## WORK TASK
Within the material below, locate the line with "#57=IFCINDEXEDPOLYGONALFACE((2,6,8,4));" and the line with "#61=IFCPOLYGONALFACESET(#60,$,(#54,#55,#56,#57,#58,#59),$);", then return those two lines and all lines between them, exactly as written.

## INPUT
──────────

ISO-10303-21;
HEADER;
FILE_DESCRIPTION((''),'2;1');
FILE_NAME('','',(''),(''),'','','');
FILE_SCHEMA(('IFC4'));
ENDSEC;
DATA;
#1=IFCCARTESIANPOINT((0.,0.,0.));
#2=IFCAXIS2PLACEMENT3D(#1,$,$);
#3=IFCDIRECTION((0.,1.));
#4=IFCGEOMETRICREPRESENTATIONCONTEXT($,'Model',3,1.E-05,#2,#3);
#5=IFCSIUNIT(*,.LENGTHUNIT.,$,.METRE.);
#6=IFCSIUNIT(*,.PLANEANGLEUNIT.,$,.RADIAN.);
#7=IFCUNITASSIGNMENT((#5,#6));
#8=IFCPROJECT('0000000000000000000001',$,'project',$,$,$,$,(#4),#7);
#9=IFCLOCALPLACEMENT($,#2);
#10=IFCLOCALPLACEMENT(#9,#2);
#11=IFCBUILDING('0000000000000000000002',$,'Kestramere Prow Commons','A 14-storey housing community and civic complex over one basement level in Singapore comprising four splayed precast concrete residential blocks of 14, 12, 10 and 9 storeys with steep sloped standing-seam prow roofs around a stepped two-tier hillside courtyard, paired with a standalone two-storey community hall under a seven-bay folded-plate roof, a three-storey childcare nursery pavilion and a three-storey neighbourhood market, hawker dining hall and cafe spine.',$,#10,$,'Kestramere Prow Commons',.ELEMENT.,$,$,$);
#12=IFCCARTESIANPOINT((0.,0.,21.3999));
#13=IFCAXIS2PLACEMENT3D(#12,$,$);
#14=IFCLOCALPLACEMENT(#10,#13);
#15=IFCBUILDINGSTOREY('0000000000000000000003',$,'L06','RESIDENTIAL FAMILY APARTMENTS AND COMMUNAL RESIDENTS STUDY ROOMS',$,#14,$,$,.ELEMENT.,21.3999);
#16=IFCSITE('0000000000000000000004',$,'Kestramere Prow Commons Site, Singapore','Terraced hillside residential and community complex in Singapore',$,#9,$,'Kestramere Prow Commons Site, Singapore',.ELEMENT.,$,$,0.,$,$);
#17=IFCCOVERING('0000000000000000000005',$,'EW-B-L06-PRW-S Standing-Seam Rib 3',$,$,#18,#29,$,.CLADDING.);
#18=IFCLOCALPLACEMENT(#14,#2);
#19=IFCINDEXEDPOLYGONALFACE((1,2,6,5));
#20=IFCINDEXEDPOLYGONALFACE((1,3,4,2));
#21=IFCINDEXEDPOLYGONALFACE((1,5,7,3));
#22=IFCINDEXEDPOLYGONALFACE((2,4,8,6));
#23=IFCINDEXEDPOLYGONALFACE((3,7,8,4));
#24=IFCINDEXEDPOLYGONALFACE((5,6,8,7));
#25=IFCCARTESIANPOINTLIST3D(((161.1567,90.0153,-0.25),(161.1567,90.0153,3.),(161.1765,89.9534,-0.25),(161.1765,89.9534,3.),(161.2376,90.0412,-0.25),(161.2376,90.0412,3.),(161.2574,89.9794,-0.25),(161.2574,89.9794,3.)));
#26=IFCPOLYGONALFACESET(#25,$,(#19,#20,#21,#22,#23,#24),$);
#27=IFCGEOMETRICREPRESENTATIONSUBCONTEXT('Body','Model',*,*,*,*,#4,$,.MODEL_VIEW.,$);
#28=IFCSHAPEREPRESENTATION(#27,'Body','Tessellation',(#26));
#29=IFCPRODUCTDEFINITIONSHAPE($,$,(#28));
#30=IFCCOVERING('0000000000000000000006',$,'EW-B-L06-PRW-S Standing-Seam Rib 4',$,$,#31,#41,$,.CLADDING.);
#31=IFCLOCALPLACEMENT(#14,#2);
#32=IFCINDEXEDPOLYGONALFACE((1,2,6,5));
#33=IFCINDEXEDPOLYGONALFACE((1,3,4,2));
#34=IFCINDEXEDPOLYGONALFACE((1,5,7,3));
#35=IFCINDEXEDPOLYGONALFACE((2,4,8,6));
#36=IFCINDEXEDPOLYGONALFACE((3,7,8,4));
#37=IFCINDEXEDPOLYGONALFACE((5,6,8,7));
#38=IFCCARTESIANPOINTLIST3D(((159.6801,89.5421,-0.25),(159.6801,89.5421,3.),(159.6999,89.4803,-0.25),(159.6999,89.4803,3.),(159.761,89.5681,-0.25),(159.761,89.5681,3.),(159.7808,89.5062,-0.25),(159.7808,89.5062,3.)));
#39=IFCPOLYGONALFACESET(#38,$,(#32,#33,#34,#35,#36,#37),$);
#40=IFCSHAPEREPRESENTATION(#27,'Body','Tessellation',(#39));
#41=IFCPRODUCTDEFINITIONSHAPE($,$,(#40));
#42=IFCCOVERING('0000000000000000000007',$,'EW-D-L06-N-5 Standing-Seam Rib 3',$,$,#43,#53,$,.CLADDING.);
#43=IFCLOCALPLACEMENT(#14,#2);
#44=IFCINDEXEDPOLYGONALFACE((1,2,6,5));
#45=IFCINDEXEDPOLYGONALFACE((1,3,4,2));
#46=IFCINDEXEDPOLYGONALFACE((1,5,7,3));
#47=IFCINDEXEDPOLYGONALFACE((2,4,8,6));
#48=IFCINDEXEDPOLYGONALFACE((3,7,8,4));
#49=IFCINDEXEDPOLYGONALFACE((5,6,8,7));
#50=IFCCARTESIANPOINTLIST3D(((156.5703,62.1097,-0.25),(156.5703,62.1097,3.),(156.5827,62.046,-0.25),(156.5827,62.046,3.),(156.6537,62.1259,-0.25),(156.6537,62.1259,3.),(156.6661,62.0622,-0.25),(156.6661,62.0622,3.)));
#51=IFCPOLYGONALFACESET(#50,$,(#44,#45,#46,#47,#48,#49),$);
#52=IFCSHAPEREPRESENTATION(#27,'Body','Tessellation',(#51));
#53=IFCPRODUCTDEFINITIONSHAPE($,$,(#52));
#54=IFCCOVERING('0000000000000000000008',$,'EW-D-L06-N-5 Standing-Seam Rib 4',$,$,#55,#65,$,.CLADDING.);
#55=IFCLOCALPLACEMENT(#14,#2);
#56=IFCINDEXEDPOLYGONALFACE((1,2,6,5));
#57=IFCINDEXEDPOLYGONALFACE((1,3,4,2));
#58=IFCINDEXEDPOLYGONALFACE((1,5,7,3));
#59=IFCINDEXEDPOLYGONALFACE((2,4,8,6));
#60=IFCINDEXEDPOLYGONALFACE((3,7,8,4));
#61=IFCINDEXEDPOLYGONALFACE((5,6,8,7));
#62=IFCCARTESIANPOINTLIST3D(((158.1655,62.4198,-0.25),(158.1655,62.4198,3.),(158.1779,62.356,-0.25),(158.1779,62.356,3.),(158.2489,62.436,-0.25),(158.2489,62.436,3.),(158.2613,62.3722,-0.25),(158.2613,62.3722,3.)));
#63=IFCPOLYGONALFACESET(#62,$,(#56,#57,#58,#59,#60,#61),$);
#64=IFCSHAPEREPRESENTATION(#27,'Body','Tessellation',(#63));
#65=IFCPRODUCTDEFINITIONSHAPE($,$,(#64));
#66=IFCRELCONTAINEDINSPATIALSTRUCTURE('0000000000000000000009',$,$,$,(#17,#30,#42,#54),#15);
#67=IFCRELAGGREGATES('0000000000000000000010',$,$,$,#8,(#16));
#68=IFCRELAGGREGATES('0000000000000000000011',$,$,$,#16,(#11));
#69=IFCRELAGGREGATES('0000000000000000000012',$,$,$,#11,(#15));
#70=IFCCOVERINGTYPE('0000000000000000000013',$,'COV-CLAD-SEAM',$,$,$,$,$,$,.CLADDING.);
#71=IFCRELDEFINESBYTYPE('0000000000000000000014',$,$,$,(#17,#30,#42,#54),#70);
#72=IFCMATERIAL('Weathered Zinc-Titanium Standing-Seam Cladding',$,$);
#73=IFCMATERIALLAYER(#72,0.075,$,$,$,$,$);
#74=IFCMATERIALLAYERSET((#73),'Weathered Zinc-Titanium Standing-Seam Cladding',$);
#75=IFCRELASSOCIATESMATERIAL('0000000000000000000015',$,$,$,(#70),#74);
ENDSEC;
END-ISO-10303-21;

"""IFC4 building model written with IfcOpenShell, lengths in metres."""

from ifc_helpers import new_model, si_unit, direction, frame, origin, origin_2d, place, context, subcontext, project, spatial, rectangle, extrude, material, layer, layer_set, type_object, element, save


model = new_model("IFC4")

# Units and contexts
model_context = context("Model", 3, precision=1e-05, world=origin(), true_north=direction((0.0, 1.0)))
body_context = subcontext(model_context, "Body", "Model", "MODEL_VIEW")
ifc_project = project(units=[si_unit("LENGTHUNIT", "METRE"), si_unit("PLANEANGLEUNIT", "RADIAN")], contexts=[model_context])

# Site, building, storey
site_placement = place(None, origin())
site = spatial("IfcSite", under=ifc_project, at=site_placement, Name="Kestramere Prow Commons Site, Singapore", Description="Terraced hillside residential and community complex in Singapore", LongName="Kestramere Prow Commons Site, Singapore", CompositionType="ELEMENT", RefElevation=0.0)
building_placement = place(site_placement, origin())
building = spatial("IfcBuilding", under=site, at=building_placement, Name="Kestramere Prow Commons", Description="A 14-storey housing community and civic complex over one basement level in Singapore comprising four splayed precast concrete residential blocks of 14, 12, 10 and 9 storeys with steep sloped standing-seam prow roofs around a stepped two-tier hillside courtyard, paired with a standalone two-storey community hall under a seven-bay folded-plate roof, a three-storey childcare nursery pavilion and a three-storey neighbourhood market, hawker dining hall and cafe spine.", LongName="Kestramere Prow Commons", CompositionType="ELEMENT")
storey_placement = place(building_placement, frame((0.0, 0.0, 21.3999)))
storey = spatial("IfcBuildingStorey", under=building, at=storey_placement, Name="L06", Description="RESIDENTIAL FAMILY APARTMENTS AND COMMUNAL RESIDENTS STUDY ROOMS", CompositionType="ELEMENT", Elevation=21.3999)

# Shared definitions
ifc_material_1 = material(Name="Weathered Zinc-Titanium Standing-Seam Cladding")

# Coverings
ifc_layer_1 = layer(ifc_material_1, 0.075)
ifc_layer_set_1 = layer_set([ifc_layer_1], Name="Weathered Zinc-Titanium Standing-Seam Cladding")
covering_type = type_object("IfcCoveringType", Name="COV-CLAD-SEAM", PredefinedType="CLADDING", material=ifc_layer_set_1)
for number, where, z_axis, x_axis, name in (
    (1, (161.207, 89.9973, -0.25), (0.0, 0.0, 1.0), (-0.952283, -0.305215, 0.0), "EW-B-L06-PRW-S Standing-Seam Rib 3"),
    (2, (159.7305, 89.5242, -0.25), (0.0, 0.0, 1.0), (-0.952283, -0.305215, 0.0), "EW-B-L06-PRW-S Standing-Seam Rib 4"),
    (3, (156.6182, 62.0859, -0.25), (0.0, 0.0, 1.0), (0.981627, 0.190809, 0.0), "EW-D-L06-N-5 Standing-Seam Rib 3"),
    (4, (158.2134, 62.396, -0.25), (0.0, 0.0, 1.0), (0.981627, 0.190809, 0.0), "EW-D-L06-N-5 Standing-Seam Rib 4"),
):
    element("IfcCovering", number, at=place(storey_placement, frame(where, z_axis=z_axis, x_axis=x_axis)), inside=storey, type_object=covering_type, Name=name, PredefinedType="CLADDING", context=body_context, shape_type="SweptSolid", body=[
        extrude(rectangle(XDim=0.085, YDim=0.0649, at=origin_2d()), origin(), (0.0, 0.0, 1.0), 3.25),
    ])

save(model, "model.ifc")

──────────

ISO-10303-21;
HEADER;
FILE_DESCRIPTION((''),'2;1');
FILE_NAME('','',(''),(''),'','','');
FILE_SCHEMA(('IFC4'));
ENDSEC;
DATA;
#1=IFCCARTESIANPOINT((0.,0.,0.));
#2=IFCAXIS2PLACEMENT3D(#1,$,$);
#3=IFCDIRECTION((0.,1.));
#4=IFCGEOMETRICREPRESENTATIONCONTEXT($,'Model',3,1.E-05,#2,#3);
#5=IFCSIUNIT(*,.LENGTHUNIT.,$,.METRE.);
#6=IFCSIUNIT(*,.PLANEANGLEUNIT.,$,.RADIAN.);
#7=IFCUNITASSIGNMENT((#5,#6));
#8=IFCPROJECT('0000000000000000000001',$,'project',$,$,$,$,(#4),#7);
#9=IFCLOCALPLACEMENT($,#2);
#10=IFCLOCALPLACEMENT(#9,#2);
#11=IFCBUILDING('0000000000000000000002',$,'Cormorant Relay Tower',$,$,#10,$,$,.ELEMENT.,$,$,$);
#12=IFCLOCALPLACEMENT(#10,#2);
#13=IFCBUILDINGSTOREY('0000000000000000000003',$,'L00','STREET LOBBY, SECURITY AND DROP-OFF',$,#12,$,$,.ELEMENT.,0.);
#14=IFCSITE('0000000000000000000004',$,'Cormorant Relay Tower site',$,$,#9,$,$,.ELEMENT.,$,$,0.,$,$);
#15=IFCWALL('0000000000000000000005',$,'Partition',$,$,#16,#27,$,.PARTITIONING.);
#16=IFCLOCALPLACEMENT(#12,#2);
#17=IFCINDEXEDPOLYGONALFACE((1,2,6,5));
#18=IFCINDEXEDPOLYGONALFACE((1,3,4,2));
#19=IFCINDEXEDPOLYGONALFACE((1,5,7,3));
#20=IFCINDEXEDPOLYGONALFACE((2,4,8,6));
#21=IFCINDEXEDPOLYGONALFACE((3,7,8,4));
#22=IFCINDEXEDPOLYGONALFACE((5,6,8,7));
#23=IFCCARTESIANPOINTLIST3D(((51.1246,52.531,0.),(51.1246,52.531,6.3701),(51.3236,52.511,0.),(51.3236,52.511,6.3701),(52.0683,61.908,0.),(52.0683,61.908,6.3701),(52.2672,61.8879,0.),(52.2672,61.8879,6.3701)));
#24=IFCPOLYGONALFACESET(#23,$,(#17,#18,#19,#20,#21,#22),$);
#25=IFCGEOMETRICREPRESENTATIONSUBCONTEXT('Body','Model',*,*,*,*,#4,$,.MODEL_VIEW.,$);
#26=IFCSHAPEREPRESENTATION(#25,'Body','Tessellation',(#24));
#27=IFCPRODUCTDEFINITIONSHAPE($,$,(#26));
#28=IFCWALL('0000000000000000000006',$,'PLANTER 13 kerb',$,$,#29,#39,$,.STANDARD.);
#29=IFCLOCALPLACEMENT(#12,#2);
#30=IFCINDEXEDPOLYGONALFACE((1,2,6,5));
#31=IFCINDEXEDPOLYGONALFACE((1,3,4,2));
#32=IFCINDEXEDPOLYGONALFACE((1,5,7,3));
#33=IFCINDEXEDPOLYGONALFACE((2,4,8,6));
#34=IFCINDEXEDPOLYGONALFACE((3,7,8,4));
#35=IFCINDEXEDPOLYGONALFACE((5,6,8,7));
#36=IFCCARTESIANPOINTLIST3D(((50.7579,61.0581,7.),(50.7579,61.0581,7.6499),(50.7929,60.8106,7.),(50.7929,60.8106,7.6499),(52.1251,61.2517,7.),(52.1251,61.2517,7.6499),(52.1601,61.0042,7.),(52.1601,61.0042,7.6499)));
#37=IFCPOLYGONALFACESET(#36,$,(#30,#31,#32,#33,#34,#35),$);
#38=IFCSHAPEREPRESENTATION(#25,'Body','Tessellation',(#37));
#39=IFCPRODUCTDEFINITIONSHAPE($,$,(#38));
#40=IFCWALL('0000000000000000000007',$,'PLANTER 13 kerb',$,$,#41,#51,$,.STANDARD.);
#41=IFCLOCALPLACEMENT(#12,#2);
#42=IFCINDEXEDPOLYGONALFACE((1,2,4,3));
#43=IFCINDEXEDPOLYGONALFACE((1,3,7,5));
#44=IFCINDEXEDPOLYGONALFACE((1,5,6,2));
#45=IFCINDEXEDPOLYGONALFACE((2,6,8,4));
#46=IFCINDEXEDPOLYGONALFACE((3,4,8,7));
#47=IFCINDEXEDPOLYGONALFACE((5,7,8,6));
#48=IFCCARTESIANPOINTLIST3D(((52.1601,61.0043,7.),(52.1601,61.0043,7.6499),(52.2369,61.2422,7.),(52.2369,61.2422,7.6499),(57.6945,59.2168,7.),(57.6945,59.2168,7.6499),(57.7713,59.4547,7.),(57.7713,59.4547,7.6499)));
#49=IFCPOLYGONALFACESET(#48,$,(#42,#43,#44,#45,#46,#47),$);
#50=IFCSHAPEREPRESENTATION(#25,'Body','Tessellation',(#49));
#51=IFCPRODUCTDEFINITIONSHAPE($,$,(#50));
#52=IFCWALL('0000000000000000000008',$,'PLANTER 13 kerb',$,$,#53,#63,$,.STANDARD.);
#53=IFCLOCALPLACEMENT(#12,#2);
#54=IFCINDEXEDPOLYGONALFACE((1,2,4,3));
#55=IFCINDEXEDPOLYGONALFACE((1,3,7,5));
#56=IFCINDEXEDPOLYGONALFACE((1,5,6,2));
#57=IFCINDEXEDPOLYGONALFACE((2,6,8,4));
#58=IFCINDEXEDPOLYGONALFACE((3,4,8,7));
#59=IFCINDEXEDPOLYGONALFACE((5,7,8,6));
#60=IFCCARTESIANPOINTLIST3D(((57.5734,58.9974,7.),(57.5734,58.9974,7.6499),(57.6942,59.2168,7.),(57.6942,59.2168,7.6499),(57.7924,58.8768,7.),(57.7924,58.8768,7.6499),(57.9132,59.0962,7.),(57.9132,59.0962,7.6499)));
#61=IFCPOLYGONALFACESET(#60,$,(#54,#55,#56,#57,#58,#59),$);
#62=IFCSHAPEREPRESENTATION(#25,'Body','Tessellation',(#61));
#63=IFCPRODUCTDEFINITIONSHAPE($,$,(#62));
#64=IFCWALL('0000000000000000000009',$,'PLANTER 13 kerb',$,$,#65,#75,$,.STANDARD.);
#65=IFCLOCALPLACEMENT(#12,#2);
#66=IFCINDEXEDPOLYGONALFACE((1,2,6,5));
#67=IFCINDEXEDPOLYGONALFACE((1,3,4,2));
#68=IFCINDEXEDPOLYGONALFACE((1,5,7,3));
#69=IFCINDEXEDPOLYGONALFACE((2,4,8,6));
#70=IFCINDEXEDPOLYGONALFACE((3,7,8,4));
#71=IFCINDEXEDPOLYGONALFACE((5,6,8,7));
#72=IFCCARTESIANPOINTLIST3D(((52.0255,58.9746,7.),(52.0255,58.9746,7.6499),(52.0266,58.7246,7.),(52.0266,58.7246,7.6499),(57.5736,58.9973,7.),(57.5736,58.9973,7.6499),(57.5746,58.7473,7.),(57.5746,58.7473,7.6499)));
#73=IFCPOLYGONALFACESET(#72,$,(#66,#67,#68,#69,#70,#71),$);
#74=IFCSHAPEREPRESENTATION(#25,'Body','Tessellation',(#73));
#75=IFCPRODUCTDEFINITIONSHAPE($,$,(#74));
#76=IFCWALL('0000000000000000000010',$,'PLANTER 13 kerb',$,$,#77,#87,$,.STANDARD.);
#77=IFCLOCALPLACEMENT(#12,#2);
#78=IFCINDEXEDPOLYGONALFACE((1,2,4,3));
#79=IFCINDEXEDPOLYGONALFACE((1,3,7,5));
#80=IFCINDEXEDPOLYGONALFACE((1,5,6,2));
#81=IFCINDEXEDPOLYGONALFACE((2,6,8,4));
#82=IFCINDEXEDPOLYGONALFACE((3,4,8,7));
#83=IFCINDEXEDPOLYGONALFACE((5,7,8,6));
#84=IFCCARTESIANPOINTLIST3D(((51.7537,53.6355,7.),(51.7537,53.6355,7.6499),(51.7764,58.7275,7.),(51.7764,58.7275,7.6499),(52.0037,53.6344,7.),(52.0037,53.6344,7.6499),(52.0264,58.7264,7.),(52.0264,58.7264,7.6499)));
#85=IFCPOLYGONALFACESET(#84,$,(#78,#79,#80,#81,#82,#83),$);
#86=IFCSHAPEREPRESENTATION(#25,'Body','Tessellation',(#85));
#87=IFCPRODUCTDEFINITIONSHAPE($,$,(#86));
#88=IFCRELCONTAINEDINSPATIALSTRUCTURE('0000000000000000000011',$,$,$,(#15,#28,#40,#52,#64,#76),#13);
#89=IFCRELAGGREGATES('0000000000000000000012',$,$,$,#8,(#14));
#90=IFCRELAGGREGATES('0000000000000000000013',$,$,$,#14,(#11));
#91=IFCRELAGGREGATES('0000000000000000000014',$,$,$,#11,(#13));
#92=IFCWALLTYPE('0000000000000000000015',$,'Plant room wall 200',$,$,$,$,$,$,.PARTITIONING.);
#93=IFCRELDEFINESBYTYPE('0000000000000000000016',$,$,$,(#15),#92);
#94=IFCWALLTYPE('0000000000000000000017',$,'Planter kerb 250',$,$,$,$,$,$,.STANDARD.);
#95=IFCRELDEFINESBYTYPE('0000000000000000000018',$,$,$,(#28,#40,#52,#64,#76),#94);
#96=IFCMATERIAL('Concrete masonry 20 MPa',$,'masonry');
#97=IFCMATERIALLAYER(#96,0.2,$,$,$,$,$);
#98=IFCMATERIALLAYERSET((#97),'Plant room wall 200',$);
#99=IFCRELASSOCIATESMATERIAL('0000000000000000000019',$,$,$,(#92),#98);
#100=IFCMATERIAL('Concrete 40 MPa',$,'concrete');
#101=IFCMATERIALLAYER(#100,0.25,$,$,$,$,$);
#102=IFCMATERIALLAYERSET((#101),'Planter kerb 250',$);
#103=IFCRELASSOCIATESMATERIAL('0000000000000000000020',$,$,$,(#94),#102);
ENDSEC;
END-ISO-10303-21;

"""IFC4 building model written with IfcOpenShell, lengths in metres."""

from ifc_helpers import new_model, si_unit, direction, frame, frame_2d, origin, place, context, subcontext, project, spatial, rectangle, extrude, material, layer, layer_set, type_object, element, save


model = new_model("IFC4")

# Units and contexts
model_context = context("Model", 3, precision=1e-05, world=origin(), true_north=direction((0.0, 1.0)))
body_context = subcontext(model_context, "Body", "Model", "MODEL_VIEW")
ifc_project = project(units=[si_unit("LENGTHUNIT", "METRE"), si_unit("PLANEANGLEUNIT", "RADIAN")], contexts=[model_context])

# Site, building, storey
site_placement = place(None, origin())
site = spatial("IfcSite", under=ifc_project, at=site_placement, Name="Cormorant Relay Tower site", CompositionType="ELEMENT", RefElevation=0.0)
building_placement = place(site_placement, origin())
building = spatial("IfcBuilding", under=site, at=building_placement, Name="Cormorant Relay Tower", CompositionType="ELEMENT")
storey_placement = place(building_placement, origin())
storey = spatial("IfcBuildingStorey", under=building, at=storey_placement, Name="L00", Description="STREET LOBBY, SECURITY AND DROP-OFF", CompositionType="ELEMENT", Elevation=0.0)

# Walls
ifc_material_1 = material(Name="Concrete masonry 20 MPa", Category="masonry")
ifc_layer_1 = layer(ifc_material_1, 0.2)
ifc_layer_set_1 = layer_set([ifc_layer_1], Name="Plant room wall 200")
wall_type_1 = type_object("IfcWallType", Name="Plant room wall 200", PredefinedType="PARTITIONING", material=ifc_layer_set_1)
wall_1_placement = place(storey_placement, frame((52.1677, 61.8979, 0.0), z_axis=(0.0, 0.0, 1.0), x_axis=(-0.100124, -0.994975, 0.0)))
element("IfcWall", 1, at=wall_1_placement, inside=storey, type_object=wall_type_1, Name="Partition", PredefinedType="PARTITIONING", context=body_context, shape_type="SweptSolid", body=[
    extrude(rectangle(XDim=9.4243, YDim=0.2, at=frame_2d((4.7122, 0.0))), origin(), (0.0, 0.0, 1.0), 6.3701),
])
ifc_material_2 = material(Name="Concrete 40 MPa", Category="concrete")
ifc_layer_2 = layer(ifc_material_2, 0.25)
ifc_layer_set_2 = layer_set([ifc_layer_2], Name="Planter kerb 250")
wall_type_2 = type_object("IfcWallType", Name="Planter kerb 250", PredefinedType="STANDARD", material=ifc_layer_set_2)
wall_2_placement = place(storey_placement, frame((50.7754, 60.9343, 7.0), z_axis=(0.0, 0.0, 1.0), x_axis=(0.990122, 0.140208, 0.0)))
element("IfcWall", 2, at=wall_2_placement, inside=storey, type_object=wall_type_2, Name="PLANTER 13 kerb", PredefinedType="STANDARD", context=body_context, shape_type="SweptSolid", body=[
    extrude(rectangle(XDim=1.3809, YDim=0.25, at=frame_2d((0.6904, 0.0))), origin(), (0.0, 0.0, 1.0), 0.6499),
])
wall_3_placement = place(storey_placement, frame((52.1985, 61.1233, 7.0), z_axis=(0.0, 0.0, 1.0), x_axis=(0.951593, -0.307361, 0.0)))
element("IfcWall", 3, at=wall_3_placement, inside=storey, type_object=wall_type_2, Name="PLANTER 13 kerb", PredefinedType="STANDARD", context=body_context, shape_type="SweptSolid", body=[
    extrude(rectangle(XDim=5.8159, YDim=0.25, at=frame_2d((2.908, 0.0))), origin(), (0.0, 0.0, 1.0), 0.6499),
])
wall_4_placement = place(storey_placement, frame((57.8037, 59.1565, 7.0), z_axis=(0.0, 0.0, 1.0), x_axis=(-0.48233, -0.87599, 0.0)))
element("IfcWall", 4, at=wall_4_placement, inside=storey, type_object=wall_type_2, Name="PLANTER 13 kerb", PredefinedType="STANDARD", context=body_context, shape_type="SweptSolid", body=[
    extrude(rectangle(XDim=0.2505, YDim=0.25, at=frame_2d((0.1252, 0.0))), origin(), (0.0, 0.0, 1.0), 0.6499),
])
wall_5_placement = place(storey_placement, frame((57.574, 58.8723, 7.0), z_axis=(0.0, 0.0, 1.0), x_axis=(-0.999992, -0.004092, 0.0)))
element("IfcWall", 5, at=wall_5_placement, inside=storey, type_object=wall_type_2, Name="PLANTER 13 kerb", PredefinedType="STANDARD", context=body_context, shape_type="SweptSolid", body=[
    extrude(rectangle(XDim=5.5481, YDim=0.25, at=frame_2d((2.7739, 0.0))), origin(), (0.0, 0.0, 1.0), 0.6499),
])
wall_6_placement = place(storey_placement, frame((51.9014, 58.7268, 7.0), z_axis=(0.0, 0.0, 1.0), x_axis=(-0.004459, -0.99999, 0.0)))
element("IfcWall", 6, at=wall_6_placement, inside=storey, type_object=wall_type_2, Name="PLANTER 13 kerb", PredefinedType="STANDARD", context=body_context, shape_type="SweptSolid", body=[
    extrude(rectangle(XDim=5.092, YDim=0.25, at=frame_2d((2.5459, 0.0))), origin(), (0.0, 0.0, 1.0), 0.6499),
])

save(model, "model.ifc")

──────────

## EXERCISE ANSWER
#57=IFCINDEXEDPOLYGONALFACE((2,6,8,4));
#58=IFCINDEXEDPOLYGONALFACE((3,4,8,7));
#59=IFCINDEXEDPOLYGONALFACE((5,7,8,6));
#60=IFCCARTESIANPOINTLIST3D(((57.5734,58.9974,7.),(57.5734,58.9974,7.6499),(57.6942,59.2168,7.),(57.6942,59.2168,7.6499),(57.7924,58.8768,7.),(57.7924,58.8768,7.6499),(57.9132,59.0962,7.),(57.9132,59.0962,7.6499)));
#61=IFCPOLYGONALFACESET(#60,$,(#54,#55,#56,#57,#58,#59),$);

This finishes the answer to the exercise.